◆ **ACTIVITY**
Copy each line in the data that includes the word "where".
LISTED RECORDS below:
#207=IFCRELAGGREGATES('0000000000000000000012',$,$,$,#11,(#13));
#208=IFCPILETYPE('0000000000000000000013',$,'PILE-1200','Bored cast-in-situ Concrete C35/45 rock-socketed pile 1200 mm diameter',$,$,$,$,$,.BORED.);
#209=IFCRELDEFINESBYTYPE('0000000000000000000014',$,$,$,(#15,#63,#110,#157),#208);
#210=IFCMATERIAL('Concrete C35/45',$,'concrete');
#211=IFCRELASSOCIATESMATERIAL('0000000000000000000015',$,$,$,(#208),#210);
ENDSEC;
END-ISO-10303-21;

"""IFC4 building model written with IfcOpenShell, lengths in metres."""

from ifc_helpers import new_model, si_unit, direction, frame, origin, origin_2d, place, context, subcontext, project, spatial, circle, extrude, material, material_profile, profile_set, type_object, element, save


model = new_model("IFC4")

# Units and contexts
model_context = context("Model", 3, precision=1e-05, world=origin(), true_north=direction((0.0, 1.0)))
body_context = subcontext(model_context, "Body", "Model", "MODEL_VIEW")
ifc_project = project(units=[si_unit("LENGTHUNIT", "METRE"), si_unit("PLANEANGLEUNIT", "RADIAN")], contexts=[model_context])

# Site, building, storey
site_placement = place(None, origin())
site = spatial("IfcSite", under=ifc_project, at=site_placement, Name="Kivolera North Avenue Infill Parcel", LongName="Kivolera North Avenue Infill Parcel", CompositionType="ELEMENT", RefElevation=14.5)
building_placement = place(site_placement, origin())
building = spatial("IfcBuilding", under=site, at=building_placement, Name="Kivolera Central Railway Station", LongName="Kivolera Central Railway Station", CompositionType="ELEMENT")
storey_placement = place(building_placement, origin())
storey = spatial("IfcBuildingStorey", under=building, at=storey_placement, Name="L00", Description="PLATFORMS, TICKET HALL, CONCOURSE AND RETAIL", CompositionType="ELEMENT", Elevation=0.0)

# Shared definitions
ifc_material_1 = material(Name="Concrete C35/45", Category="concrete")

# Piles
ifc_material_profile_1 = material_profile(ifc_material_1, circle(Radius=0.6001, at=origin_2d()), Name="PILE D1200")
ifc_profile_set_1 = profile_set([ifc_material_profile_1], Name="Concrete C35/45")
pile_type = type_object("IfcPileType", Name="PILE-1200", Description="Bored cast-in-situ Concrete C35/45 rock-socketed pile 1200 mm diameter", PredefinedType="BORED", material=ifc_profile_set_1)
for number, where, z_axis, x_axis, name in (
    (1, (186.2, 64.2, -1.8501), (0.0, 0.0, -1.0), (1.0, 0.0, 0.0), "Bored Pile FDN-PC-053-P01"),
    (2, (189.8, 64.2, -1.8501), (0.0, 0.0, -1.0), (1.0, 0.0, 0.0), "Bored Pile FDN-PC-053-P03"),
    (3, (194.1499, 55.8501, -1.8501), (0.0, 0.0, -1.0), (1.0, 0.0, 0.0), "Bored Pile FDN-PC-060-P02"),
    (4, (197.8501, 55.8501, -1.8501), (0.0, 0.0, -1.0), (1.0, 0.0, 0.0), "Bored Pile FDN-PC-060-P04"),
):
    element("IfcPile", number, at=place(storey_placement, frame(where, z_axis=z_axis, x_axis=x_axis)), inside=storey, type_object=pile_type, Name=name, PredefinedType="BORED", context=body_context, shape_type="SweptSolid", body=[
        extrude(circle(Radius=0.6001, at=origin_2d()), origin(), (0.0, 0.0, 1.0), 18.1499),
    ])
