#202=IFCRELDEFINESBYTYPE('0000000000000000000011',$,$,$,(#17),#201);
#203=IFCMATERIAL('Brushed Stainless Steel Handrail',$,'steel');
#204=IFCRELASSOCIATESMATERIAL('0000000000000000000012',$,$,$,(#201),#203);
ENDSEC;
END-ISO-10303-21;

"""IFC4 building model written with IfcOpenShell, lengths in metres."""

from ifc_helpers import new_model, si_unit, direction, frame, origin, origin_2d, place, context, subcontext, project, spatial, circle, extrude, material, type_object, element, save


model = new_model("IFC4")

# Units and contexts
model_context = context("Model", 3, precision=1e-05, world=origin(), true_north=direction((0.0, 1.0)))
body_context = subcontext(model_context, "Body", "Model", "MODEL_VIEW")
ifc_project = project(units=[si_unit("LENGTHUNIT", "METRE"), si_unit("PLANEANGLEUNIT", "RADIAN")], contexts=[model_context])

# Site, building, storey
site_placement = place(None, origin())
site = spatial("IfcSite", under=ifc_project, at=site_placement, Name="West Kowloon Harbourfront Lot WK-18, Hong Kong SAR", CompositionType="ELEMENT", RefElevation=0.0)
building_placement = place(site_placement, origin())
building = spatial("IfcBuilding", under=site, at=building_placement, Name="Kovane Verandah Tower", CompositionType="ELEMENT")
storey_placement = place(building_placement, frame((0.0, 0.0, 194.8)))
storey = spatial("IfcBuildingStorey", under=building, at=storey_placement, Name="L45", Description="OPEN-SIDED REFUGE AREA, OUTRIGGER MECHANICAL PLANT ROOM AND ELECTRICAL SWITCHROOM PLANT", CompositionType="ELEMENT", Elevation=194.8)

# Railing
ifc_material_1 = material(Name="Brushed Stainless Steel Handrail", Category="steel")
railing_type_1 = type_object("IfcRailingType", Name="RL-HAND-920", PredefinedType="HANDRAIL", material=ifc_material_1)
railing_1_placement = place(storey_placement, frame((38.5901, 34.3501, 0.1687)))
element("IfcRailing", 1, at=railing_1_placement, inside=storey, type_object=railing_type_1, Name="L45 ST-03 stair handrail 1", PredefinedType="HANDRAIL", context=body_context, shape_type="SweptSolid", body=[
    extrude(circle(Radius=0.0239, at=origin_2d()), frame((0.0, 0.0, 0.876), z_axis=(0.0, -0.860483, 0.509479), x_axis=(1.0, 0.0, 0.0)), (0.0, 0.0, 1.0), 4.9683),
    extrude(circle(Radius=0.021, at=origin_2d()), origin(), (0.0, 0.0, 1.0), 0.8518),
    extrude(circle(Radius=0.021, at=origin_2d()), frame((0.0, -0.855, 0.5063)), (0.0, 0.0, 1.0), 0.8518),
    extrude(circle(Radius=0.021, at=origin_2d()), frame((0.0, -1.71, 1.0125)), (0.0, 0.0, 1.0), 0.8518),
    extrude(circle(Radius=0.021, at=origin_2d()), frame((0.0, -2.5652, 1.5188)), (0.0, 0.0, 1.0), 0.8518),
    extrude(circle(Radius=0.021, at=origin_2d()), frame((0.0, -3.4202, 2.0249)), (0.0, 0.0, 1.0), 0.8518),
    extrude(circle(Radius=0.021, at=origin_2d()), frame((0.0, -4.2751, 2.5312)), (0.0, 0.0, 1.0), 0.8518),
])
End of LISTED RECORDS.
◆ **EXERCISE ANSWER**
for number, where, z_axis, x_axis, name in (
    element("IfcPile", number, at=place(storey_placement, frame(where, z_axis=z_axis, x_axis=x_axis)), inside=storey, type_object=pile_type, Name=name, PredefinedType="BORED", context=body_context, shape_type="SweptSolid", body=[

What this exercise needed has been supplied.